What the task requires - The lines of the records that include "Compartment" should all be copied.

Dataset records -
+++++
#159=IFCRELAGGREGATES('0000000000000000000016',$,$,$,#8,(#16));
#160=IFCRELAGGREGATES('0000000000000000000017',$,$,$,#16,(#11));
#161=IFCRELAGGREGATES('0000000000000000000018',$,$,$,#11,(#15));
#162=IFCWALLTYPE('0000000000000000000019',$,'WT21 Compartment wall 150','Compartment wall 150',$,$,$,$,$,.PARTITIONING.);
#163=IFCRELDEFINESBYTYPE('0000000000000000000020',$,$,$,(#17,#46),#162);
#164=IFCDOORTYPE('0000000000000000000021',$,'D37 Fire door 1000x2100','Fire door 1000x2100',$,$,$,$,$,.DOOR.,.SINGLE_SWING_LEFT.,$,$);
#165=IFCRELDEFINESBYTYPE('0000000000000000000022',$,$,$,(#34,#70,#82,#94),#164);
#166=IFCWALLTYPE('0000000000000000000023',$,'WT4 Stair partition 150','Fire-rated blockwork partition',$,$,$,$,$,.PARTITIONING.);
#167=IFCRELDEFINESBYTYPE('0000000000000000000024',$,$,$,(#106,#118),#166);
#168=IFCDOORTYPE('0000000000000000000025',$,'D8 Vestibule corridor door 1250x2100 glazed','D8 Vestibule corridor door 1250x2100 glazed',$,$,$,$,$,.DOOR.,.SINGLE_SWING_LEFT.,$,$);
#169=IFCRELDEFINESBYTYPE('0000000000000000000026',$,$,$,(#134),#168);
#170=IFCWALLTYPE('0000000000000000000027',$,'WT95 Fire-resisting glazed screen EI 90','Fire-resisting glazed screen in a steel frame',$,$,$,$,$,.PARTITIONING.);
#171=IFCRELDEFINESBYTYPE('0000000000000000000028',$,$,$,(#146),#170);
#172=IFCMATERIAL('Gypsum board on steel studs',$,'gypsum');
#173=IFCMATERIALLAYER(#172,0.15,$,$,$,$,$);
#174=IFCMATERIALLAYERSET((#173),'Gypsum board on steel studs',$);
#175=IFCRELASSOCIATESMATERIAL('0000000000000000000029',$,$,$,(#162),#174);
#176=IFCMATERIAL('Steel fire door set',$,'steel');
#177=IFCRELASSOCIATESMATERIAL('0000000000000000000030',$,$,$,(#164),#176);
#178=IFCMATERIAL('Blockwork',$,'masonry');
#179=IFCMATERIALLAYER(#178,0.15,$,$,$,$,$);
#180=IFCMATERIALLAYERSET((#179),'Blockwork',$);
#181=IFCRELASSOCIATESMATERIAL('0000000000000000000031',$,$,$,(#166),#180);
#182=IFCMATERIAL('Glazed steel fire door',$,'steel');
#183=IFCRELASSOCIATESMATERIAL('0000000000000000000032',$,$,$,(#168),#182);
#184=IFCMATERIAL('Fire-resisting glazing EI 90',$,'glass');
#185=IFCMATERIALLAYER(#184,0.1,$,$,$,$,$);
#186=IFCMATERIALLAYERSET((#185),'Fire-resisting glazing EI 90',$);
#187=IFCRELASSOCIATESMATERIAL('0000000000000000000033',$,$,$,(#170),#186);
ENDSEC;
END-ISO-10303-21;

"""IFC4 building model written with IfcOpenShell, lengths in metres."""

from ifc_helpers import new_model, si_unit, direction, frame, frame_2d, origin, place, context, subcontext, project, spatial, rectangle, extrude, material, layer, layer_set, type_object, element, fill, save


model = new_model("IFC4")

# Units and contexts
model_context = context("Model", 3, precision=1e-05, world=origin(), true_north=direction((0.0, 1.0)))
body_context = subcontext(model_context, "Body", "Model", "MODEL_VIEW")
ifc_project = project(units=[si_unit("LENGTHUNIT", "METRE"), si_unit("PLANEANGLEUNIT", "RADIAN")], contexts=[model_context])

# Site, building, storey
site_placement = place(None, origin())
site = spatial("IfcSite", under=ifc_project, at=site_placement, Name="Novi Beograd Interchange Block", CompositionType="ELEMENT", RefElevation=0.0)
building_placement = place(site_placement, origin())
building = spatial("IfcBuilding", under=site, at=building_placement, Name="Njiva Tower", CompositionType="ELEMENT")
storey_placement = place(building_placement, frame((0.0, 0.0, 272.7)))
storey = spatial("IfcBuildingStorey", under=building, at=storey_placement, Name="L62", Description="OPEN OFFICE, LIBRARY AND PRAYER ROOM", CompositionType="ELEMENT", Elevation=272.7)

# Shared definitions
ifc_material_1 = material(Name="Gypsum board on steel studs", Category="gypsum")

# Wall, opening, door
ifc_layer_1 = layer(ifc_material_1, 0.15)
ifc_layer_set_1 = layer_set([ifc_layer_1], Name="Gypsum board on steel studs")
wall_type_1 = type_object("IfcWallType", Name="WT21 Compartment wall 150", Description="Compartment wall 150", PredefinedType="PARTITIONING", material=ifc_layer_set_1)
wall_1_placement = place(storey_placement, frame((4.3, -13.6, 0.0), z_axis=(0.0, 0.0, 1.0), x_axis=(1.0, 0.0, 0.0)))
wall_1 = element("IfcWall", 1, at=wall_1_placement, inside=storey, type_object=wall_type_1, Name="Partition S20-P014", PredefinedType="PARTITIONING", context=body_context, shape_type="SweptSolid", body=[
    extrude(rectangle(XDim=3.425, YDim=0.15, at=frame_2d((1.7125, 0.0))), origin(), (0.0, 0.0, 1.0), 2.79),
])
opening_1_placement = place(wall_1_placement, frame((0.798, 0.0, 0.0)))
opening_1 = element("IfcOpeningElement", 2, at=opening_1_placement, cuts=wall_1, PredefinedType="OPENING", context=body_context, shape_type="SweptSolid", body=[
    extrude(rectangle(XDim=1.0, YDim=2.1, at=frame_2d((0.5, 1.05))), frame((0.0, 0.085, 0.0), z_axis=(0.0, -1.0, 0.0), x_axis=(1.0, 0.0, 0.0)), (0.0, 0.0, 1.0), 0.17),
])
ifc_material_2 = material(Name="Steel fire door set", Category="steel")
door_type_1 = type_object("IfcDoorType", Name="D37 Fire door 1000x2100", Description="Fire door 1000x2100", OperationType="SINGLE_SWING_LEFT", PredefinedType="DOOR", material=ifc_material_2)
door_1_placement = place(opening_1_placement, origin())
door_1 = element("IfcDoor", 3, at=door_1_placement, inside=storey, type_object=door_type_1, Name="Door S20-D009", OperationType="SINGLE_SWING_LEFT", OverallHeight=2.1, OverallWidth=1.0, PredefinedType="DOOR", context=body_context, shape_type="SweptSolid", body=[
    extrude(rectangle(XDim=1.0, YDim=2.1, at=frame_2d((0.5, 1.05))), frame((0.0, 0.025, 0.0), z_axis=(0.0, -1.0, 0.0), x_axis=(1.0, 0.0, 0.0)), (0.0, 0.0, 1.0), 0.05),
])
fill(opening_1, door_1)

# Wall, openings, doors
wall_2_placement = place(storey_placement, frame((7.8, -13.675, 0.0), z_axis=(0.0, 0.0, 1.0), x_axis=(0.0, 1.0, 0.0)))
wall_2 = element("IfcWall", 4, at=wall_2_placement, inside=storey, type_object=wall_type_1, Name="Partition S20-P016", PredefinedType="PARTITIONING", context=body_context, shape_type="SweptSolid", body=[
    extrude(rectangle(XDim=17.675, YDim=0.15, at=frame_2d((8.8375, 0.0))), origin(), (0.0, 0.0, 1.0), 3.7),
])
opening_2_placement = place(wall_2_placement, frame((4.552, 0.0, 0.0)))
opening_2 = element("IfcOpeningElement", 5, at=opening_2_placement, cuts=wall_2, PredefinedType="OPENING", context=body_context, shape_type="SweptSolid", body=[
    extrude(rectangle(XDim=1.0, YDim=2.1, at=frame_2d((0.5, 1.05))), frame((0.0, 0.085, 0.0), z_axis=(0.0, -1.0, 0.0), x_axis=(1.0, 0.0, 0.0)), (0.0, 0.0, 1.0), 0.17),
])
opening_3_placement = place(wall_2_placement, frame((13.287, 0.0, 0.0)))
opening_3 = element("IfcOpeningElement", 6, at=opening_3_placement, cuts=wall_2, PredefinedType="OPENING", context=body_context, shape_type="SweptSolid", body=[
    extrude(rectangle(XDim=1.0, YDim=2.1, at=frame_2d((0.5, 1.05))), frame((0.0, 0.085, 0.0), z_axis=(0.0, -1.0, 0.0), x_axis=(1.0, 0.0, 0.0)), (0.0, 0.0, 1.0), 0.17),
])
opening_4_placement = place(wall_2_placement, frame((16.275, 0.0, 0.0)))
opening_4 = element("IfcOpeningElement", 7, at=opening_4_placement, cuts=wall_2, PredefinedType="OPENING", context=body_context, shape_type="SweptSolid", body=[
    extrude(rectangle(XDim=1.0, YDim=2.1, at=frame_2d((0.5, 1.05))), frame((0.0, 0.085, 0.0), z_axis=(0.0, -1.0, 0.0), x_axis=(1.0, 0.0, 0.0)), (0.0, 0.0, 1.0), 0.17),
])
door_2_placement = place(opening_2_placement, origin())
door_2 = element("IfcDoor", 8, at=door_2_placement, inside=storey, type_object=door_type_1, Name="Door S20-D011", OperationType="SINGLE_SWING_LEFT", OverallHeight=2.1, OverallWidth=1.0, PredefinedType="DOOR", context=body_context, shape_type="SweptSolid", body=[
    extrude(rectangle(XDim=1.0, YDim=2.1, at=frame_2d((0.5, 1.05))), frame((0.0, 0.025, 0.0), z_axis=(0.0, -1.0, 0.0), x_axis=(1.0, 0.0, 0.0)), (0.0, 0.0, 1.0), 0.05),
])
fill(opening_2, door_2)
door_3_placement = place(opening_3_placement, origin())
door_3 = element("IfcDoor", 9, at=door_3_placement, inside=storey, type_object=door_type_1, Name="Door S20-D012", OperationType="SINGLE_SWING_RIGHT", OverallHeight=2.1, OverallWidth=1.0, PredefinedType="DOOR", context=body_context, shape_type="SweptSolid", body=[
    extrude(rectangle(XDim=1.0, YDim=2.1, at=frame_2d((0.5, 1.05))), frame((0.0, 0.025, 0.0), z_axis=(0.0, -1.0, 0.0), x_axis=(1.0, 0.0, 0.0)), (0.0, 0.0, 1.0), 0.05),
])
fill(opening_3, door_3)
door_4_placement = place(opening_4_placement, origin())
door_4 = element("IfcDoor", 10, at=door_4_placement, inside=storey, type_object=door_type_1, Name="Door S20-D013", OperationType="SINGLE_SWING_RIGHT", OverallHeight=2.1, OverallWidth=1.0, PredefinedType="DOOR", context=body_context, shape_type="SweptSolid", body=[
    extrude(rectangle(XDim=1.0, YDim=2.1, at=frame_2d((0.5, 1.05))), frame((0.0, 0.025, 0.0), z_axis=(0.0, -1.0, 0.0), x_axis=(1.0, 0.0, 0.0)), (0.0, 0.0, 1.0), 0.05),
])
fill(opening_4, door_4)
+++++
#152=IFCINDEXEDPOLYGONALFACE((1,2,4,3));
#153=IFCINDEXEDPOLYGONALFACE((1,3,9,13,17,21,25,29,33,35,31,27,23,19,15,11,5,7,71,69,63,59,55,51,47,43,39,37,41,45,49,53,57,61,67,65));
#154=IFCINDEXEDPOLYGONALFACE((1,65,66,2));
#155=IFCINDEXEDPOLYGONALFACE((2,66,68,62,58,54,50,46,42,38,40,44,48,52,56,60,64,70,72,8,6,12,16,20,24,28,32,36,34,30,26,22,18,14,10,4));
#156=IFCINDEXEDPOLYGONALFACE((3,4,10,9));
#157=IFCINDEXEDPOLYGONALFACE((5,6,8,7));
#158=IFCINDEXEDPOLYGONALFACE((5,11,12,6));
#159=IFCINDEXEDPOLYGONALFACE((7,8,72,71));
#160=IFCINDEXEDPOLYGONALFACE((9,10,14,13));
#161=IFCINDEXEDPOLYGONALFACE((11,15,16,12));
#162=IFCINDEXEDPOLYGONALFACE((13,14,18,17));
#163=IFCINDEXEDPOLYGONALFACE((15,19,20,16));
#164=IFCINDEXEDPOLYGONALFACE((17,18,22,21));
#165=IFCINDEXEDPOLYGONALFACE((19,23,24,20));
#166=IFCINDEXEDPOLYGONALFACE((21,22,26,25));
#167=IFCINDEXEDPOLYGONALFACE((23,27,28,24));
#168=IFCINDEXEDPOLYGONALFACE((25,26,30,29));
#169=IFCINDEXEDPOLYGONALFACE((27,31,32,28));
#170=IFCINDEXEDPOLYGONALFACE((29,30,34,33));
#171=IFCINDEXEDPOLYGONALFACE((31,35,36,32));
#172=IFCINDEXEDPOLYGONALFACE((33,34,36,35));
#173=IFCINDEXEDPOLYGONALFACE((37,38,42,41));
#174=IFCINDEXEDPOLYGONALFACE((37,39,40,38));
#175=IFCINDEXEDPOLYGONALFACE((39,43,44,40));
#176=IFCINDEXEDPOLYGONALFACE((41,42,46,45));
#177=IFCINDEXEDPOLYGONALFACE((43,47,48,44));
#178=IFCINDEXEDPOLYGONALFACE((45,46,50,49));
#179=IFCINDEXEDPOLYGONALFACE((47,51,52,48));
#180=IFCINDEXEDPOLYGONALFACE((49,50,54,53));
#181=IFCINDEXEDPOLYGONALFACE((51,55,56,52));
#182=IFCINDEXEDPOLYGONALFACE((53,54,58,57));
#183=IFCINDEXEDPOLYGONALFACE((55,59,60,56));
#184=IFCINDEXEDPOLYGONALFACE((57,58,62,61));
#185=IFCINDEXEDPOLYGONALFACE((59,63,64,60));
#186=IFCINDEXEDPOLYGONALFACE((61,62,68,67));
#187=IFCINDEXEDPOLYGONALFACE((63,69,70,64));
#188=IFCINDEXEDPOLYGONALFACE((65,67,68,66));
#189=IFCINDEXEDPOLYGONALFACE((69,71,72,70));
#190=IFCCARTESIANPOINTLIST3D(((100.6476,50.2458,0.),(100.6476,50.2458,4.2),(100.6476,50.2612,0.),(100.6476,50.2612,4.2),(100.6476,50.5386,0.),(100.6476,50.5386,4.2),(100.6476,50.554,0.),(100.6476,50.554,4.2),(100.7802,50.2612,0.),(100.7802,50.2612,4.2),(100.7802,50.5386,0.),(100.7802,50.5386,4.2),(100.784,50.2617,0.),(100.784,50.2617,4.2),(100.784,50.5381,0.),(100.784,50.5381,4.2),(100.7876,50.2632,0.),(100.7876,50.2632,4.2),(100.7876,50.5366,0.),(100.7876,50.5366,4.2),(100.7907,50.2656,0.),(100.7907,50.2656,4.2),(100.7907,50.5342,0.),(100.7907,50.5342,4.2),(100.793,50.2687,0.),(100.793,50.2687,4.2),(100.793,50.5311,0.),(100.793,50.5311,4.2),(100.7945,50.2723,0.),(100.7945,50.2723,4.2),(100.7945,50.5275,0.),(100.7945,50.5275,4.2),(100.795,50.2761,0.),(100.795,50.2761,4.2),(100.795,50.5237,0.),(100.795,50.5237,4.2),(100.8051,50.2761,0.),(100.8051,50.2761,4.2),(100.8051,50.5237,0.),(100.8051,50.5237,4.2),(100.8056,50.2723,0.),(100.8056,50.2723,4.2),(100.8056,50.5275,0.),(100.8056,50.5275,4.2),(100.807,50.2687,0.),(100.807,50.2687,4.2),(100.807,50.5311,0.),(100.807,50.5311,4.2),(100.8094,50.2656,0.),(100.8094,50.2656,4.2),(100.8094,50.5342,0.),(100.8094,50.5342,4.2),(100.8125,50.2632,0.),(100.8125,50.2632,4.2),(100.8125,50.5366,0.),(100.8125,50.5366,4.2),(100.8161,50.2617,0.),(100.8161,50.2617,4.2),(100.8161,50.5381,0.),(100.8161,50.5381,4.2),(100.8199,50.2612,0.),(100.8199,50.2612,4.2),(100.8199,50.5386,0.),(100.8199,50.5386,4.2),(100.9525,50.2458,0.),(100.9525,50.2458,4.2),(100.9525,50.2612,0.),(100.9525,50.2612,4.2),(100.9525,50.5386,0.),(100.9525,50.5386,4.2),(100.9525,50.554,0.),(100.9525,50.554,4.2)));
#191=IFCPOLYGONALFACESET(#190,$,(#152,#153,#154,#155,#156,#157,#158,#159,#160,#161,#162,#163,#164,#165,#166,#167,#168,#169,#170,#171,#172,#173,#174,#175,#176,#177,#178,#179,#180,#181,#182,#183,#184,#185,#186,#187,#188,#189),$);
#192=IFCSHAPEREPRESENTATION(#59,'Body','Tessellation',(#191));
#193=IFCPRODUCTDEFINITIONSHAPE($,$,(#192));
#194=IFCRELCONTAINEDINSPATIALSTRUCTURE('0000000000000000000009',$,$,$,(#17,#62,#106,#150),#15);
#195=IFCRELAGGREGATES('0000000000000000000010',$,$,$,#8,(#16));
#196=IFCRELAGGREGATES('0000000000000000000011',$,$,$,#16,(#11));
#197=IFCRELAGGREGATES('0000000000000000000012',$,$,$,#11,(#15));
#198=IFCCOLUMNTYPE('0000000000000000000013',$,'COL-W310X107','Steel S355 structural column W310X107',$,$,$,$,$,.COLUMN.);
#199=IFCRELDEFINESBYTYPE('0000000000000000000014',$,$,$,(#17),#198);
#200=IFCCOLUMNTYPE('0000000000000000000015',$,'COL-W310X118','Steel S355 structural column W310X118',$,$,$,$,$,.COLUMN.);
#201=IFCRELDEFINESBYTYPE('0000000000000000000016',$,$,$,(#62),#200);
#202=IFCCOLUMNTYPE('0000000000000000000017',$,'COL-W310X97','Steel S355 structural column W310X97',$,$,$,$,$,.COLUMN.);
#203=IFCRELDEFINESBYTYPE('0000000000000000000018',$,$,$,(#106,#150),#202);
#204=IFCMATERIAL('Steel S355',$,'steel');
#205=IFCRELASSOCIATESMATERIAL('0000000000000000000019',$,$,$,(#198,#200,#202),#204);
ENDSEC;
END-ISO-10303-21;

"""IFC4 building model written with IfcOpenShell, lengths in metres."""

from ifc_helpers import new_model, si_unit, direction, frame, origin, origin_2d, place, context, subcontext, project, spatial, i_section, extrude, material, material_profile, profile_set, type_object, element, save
+++++
Answer below -
#162=IFCWALLTYPE('0000000000000000000019',$,'WT21 Compartment wall 150','Compartment wall 150',$,$,$,$,$,.PARTITIONING.);
wall_type_1 = type_object("IfcWallType", Name="WT21 Compartment wall 150", Description="Compartment wall 150", PredefinedType="PARTITIONING", material=ifc_layer_set_1)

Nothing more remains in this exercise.